▶ [Problem requirements]: Taking the listing below, restate word for word each line from the line with "#132=IFCINDEXEDPOLYGONALFACE((9,11,15,13));" to the line with "#141=IFCINDEXEDPOLYGONALFACE((1,3,7,5));", ends included, and stop there.

___

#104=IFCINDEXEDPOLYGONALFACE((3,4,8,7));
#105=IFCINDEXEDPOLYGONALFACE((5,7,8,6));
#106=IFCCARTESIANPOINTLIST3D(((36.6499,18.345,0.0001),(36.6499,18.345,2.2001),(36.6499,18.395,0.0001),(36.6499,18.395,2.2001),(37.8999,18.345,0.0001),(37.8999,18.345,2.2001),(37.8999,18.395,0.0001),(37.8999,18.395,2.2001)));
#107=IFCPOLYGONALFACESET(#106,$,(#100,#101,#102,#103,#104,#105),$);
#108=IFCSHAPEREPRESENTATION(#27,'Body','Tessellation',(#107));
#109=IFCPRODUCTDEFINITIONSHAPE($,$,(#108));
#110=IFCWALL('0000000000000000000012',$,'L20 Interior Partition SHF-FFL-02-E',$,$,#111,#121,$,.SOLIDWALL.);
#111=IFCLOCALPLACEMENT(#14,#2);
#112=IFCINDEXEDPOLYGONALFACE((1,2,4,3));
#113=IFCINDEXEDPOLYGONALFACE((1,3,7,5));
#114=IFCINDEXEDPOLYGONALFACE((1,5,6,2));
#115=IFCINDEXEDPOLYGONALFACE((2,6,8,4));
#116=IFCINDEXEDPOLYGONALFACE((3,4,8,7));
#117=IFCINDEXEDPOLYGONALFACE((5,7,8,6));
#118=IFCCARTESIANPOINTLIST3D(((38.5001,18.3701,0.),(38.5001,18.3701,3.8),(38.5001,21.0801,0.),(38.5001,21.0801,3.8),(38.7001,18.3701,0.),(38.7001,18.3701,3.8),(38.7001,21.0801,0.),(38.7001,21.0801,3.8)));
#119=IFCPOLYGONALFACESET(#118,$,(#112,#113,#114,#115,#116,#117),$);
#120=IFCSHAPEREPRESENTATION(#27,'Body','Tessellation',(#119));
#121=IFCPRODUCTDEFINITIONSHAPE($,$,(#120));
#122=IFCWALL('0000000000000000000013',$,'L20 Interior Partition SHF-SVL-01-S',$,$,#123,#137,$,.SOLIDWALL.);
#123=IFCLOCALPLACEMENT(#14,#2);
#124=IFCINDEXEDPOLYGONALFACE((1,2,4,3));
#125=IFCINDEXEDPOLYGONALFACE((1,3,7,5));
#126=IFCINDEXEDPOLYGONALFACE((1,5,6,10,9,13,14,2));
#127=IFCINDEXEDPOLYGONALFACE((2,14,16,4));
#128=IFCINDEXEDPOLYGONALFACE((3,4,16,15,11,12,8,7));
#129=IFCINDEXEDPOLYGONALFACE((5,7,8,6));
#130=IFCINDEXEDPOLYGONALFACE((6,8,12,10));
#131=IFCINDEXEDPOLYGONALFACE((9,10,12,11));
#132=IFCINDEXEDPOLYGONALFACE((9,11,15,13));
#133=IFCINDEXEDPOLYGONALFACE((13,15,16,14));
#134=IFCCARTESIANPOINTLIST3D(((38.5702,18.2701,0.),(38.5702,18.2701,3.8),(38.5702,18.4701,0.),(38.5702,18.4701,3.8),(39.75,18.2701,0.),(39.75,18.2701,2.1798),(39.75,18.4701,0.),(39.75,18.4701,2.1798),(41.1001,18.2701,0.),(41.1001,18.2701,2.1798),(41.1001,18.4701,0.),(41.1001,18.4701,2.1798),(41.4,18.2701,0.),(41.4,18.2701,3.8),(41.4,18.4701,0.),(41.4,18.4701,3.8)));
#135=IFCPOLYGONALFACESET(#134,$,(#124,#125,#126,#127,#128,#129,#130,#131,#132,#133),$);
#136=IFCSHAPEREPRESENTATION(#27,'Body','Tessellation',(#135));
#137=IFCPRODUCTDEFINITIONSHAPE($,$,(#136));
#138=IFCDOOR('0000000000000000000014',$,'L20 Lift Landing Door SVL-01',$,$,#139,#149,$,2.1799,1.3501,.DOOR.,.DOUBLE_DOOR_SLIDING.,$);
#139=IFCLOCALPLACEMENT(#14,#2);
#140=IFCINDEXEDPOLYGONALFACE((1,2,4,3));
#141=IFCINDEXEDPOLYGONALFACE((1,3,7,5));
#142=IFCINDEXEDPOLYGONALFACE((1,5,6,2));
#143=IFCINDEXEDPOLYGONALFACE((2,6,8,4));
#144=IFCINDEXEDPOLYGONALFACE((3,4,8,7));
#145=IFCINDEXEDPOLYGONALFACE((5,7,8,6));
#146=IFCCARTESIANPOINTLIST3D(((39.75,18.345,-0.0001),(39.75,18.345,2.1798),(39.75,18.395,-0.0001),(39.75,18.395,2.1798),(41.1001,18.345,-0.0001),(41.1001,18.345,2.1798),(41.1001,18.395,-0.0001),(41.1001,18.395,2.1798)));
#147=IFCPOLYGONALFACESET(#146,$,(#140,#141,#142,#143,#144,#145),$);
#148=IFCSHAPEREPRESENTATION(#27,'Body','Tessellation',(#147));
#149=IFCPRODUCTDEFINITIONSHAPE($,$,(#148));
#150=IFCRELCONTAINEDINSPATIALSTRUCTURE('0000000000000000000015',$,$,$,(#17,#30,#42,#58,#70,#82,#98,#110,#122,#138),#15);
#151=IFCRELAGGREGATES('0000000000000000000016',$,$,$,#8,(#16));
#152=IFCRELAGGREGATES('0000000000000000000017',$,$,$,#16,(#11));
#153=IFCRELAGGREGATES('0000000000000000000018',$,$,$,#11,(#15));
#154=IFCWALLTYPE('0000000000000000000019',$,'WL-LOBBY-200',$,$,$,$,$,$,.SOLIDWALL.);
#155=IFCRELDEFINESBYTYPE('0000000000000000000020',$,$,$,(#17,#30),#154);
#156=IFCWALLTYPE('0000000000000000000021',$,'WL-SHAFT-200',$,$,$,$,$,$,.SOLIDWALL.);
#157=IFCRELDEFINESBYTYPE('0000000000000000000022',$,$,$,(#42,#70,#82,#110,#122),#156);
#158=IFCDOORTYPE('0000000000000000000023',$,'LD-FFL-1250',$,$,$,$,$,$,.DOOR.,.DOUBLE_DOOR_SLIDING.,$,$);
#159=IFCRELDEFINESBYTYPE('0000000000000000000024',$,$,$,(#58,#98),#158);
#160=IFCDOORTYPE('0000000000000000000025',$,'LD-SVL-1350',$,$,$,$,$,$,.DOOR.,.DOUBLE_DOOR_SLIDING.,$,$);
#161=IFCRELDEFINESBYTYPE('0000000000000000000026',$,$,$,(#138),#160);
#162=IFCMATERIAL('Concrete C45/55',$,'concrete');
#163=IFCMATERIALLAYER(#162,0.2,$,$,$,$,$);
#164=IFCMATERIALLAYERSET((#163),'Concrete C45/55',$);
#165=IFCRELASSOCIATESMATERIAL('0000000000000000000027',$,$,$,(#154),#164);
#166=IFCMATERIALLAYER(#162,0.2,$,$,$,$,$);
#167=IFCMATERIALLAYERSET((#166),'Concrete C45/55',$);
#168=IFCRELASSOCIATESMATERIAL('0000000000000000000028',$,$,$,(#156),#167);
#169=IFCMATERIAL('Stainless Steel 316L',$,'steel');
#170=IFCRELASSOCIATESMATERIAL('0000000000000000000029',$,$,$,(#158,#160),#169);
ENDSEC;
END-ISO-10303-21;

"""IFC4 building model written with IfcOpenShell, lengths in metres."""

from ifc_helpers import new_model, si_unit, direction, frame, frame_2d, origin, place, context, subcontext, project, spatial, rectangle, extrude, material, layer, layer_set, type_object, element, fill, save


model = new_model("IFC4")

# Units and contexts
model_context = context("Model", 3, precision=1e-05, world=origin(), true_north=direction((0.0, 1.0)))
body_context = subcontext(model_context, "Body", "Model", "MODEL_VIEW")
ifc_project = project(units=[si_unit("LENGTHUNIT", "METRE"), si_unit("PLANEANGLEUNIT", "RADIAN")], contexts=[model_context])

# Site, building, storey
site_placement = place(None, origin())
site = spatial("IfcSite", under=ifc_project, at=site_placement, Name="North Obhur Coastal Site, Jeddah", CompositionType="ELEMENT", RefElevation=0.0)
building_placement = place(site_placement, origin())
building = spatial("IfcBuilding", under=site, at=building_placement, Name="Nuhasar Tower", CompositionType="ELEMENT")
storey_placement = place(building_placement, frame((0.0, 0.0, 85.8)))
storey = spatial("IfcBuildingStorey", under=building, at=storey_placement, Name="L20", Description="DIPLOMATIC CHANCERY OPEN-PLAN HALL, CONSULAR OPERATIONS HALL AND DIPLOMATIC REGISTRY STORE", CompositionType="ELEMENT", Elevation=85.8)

___

▶ [Output for this task]:
#132=IFCINDEXEDPOLYGONALFACE((9,11,15,13));
#133=IFCINDEXEDPOLYGONALFACE((13,15,16,14));
#134=IFCCARTESIANPOINTLIST3D(((38.5702,18.2701,0.),(38.5702,18.2701,3.8),(38.5702,18.4701,0.),(38.5702,18.4701,3.8),(39.75,18.2701,0.),(39.75,18.2701,2.1798),(39.75,18.4701,0.),(39.75,18.4701,2.1798),(41.1001,18.2701,0.),(41.1001,18.2701,2.1798),(41.1001,18.4701,0.),(41.1001,18.4701,2.1798),(41.4,18.2701,0.),(41.4,18.2701,3.8),(41.4,18.4701,0.),(41.4,18.4701,3.8)));
#135=IFCPOLYGONALFACESET(#134,$,(#124,#125,#126,#127,#128,#129,#130,#131,#132,#133),$);
#136=IFCSHAPEREPRESENTATION(#27,'Body','Tessellation',(#135));
#137=IFCPRODUCTDEFINITIONSHAPE($,$,(#136));
#138=IFCDOOR('0000000000000000000014',$,'L20 Lift Landing Door SVL-01',$,$,#139,#149,$,2.1799,1.3501,.DOOR.,.DOUBLE_DOOR_SLIDING.,$);
#139=IFCLOCALPLACEMENT(#14,#2);
#140=IFCINDEXEDPOLYGONALFACE((1,2,4,3));
#141=IFCINDEXEDPOLYGONALFACE((1,3,7,5));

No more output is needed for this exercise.